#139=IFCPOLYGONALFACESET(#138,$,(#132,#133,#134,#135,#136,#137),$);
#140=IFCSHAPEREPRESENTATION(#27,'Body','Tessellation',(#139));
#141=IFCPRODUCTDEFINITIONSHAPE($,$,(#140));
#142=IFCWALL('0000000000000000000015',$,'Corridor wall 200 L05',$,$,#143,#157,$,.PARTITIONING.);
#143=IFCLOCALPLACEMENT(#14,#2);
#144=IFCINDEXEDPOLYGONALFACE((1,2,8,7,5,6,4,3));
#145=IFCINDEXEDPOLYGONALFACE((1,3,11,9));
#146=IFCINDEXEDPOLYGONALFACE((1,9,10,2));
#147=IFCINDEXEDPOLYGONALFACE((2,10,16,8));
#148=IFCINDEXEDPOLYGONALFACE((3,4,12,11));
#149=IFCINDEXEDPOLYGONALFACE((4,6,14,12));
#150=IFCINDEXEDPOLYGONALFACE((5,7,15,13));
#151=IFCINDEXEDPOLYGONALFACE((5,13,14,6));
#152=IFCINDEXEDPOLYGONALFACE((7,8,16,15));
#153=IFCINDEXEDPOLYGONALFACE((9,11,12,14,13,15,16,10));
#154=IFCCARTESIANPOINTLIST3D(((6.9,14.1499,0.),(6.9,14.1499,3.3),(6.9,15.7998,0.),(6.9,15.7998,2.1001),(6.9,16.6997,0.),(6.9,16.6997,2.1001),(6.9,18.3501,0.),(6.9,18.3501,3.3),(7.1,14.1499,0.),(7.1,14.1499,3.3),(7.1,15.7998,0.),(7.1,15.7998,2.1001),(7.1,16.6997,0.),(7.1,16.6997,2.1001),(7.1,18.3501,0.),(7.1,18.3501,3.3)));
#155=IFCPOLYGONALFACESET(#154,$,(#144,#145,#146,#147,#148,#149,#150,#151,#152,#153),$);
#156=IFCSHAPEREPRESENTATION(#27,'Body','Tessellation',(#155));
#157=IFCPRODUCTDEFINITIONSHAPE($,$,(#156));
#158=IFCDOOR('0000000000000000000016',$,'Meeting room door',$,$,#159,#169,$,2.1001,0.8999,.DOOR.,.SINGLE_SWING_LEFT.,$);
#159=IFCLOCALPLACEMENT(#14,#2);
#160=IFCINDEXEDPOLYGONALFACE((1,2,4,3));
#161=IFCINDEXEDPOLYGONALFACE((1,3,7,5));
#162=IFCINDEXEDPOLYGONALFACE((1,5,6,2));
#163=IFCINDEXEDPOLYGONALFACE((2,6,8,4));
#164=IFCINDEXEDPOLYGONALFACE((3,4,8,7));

WORK REQUIRED
Above are the entries. Quote exactly the lines from the one bearing "#144=IFCINDEXEDPOLYGONALFACE((1,2,8,7,5,6,4,3));" through the one bearing "#149=IFCINDEXEDPOLYGONALFACE((4,6,14,12));".

TASK RESULT
#144=IFCINDEXEDPOLYGONALFACE((1,2,8,7,5,6,4,3));
#145=IFCINDEXEDPOLYGONALFACE((1,3,11,9));
#146=IFCINDEXEDPOLYGONALFACE((1,9,10,2));
#147=IFCINDEXEDPOLYGONALFACE((2,10,16,8));
#148=IFCINDEXEDPOLYGONALFACE((3,4,12,11));
#149=IFCINDEXEDPOLYGONALFACE((4,6,14,12));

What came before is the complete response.